PROBLEM DESCRIPTION. Within the listing below, please show every line carrying the string "IFCPRODUCTDEFINITIONSHAPE".

THE RECORDS.
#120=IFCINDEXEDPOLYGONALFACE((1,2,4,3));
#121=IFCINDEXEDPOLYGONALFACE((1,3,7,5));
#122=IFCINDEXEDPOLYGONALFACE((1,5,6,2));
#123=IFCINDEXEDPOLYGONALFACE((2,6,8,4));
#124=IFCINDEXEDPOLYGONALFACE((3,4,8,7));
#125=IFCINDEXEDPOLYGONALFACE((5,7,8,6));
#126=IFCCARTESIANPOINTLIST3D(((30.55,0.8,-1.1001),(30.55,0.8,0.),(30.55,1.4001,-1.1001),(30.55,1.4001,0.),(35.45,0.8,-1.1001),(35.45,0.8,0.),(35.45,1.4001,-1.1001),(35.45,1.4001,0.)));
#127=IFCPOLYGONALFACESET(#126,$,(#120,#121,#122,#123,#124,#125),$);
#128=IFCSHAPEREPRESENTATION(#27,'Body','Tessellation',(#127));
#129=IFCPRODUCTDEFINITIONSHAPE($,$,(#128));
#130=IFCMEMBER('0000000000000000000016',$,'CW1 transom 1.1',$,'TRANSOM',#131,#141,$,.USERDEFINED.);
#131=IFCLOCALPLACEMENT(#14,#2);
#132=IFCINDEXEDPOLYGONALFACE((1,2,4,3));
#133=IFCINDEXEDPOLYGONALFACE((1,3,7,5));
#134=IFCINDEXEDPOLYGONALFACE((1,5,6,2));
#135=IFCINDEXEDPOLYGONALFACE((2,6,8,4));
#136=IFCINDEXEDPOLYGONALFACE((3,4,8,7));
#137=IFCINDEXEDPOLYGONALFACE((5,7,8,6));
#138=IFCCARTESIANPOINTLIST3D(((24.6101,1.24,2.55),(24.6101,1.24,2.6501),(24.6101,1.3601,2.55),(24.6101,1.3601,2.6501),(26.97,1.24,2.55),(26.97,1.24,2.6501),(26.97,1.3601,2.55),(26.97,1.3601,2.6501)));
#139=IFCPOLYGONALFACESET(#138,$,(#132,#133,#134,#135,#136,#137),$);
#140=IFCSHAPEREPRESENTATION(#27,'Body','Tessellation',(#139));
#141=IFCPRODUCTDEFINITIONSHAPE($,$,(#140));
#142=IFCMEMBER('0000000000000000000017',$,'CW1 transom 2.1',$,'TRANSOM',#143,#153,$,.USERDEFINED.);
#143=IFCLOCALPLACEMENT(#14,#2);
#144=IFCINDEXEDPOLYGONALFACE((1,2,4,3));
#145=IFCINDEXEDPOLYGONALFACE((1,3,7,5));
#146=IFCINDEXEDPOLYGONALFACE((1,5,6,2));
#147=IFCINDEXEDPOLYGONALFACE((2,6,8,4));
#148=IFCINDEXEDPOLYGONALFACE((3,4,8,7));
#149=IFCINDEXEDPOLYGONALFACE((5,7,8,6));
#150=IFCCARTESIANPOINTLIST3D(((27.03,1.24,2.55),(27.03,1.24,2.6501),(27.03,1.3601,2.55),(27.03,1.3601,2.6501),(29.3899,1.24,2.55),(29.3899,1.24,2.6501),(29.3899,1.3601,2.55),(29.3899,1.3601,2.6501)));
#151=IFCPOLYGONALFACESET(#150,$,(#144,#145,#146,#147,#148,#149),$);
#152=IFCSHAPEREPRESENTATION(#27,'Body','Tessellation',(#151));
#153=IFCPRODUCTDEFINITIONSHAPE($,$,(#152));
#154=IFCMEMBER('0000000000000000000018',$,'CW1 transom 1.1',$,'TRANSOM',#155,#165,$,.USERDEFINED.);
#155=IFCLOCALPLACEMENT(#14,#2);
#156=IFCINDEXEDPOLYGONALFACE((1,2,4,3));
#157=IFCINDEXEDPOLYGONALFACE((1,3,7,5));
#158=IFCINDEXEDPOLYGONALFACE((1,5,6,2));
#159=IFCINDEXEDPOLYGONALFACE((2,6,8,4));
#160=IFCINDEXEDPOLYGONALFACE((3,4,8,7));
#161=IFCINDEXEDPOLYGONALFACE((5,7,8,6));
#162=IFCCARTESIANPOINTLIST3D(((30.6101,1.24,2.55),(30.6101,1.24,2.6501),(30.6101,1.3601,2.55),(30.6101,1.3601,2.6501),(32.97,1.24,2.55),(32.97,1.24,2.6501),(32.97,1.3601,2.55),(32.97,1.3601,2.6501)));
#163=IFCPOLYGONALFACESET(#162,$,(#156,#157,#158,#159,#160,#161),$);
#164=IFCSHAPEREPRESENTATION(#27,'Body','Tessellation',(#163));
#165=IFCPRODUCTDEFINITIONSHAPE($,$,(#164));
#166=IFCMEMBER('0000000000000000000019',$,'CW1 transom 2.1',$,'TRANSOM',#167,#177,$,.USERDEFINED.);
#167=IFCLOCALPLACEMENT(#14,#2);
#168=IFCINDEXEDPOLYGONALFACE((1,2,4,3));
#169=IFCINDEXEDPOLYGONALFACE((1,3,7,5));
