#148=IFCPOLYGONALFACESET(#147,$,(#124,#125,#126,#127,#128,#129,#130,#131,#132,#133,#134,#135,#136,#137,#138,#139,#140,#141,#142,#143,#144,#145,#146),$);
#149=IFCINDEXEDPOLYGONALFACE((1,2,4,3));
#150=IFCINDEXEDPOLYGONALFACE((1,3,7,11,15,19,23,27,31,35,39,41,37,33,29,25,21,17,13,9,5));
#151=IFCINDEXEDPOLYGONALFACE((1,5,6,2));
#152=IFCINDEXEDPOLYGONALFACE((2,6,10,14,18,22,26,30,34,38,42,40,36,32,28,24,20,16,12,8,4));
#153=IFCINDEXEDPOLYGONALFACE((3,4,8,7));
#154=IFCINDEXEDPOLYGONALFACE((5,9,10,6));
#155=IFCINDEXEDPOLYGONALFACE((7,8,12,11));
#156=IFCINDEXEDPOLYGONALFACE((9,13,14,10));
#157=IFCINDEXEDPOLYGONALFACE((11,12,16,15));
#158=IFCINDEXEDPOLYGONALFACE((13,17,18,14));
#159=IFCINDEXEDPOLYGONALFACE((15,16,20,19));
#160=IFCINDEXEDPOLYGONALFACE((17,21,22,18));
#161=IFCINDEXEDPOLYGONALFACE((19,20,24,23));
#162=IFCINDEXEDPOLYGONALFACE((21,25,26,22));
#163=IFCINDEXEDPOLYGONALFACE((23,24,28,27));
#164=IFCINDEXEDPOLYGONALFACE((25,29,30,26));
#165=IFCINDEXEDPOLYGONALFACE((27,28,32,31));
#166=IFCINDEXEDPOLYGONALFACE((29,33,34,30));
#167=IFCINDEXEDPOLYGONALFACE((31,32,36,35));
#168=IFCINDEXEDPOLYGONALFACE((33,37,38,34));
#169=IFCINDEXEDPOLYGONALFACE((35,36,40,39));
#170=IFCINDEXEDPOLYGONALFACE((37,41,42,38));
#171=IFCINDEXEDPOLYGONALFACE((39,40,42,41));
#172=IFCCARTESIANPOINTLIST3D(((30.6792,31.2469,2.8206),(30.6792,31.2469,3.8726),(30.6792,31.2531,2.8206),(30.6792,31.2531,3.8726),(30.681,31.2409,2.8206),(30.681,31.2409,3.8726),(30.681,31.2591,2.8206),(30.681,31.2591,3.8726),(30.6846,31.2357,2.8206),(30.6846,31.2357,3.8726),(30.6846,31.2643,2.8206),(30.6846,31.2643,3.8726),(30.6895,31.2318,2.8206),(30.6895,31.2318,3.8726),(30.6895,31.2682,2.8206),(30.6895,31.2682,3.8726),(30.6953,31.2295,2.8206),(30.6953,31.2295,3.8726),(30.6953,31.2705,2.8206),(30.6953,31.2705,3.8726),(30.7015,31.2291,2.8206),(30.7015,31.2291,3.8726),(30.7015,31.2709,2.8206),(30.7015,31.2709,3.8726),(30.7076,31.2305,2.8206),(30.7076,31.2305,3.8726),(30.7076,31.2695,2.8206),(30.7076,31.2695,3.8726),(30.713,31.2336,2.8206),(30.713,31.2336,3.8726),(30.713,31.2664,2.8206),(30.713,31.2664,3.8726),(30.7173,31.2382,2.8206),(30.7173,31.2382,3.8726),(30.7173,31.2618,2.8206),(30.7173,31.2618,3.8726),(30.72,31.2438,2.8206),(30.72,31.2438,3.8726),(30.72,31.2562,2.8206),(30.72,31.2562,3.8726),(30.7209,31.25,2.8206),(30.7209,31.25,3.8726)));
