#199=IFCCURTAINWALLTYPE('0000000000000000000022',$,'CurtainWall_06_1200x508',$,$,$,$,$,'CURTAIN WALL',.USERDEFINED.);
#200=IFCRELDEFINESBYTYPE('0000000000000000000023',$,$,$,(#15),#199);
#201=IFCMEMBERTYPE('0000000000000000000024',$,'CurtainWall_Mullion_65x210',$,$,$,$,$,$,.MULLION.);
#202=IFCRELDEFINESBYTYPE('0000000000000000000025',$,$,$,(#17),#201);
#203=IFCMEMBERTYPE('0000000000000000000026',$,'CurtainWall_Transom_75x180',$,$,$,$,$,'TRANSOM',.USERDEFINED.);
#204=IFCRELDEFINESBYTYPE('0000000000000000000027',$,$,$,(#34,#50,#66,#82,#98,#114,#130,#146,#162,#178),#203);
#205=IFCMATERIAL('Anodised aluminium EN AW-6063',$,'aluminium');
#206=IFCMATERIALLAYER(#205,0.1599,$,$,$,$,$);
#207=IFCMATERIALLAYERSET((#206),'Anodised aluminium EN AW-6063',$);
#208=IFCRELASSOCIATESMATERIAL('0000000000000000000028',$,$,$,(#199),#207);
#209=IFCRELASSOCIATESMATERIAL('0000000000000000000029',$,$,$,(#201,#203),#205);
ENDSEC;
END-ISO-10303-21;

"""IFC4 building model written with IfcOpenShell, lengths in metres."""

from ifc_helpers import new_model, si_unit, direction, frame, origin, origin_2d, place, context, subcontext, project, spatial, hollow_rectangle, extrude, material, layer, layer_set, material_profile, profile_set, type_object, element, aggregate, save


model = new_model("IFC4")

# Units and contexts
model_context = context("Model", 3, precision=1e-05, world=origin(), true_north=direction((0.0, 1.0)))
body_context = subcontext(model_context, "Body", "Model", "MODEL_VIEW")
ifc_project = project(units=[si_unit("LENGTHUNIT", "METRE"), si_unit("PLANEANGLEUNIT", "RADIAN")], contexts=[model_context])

TASK ANSWER.
#129=IFCPRODUCTDEFINITIONSHAPE($,$,(#128));
#141=IFCPRODUCTDEFINITIONSHAPE($,$,(#140));
#153=IFCPRODUCTDEFINITIONSHAPE($,$,(#152));
#165=IFCPRODUCTDEFINITIONSHAPE($,$,(#164));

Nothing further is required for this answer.